Task requirements:
Please restate exactly what appears in the records below from the first line to the line where "#32=IFCINDEXEDPOLYGONALFACE((21,23,24,22));" is, that line included.

START Given data

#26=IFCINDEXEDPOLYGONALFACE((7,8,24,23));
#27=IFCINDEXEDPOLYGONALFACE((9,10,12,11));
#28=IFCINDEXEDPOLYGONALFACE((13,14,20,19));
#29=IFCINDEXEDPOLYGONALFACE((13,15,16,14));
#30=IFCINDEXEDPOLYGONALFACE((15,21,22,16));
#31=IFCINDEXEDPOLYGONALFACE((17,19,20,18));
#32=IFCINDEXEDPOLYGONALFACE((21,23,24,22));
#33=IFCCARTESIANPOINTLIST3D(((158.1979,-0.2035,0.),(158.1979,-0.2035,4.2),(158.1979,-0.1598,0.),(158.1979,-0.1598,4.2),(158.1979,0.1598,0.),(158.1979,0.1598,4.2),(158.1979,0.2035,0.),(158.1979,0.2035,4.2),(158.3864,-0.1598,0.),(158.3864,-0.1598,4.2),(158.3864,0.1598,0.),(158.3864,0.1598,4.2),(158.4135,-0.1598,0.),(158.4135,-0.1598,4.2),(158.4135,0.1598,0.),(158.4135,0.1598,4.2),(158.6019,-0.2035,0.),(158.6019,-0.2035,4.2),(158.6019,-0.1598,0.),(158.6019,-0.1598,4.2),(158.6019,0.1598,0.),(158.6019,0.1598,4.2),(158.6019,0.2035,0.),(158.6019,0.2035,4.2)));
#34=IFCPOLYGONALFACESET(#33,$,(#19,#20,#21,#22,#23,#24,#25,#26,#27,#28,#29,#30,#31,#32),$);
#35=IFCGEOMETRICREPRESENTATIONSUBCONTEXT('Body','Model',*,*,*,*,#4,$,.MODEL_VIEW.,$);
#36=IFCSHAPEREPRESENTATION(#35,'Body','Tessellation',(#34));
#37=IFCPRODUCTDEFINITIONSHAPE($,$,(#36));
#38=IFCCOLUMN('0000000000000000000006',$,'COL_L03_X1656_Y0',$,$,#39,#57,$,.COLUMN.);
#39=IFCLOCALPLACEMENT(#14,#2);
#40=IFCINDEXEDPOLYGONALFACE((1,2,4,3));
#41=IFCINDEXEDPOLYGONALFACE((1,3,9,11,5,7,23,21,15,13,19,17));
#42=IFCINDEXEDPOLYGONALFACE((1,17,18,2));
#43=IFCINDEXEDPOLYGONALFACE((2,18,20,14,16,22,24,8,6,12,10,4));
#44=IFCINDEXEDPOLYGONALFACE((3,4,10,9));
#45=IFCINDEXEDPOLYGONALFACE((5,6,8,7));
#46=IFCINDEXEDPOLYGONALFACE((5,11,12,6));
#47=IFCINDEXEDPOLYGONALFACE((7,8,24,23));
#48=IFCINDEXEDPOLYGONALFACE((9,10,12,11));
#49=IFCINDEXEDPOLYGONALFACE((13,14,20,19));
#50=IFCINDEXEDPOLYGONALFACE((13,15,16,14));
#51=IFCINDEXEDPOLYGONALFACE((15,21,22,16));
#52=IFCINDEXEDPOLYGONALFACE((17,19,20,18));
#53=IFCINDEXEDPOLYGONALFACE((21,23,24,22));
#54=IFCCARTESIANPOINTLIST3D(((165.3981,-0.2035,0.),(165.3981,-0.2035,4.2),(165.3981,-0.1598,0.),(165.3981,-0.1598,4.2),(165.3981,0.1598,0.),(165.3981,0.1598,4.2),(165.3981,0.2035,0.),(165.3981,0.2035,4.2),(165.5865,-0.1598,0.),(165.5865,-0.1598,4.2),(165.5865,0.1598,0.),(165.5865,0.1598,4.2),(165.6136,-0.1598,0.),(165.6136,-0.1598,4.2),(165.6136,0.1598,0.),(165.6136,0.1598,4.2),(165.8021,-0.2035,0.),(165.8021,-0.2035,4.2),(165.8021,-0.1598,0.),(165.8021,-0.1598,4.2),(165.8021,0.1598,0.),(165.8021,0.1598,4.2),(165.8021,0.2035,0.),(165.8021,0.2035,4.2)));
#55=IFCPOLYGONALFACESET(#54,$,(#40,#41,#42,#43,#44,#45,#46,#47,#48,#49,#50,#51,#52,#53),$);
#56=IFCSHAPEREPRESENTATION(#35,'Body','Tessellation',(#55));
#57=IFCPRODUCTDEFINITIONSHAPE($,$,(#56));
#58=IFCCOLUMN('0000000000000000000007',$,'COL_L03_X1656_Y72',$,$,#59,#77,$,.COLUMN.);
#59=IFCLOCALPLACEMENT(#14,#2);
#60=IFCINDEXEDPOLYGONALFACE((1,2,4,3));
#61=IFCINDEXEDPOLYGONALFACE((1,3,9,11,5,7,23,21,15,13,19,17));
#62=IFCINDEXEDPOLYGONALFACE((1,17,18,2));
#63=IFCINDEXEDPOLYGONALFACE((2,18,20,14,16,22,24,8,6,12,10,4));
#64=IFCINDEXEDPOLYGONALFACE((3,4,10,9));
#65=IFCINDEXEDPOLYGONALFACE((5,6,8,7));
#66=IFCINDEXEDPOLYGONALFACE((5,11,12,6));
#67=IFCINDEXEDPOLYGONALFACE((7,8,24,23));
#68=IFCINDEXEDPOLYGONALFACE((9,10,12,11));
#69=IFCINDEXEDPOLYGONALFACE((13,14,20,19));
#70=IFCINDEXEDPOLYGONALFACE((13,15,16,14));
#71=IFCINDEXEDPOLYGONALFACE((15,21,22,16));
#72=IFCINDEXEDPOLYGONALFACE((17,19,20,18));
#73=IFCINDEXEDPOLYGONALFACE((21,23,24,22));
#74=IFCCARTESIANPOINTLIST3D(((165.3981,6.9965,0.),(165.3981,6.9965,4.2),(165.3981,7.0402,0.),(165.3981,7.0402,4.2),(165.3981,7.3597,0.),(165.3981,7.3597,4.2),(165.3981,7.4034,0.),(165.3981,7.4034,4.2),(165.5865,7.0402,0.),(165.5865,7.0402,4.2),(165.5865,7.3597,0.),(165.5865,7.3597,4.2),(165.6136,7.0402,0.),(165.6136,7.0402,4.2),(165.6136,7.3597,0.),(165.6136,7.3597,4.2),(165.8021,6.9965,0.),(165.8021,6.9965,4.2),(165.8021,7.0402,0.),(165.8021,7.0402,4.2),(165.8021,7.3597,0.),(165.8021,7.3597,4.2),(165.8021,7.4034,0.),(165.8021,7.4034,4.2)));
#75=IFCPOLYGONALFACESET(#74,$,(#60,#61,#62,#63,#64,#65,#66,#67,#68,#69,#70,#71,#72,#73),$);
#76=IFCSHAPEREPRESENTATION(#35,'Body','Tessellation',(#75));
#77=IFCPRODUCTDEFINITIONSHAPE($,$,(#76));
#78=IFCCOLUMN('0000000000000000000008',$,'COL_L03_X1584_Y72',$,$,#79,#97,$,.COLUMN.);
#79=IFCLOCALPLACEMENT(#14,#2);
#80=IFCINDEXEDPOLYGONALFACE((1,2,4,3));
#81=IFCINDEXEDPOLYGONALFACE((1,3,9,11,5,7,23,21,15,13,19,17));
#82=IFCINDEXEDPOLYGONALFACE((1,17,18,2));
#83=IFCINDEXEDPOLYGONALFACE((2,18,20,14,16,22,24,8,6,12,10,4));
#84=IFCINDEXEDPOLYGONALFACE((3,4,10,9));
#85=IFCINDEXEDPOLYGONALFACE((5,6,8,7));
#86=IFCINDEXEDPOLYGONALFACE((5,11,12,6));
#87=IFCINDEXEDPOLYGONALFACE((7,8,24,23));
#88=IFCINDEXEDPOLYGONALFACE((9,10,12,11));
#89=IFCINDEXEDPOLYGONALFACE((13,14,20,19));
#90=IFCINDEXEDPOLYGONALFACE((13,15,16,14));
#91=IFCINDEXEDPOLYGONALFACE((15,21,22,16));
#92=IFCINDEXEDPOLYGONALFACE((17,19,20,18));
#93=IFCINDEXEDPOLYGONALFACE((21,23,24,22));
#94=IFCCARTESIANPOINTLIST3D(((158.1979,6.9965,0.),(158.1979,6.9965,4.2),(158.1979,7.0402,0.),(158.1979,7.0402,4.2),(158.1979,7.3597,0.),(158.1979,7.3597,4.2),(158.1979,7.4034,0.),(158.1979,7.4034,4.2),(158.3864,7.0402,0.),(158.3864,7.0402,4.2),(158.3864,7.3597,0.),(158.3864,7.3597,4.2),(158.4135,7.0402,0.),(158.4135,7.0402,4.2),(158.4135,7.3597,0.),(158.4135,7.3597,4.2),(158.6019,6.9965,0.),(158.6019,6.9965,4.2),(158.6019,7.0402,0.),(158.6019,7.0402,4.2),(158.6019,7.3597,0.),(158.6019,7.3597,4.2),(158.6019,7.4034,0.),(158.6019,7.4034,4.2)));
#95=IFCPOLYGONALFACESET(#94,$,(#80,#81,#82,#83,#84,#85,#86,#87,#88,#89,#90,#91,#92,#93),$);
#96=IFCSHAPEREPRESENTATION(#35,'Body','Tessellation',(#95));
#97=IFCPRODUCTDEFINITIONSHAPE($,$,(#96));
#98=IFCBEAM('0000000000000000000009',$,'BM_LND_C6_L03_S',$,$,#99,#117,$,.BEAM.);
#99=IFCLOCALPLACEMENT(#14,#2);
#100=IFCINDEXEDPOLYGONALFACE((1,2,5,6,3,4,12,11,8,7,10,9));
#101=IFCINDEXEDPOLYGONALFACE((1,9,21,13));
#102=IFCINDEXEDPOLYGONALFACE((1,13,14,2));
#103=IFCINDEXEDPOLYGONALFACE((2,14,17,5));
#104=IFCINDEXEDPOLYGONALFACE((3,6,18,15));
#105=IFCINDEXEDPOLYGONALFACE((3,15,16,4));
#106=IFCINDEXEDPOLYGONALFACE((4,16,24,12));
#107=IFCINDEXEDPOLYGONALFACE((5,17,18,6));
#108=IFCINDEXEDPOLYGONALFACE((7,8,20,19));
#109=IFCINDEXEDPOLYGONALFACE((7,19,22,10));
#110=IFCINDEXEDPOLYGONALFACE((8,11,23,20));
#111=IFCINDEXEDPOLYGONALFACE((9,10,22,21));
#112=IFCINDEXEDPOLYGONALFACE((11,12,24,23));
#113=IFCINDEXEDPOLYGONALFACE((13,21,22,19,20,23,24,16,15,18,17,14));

END Given data

Expected output:
#26=IFCINDEXEDPOLYGONALFACE((7,8,24,23));
#27=IFCINDEXEDPOLYGONALFACE((9,10,12,11));
#28=IFCINDEXEDPOLYGONALFACE((13,14,20,19));
#29=IFCINDEXEDPOLYGONALFACE((13,15,16,14));
#30=IFCINDEXEDPOLYGONALFACE((15,21,22,16));
#31=IFCINDEXEDPOLYGONALFACE((17,19,20,18));
#32=IFCINDEXEDPOLYGONALFACE((21,23,24,22));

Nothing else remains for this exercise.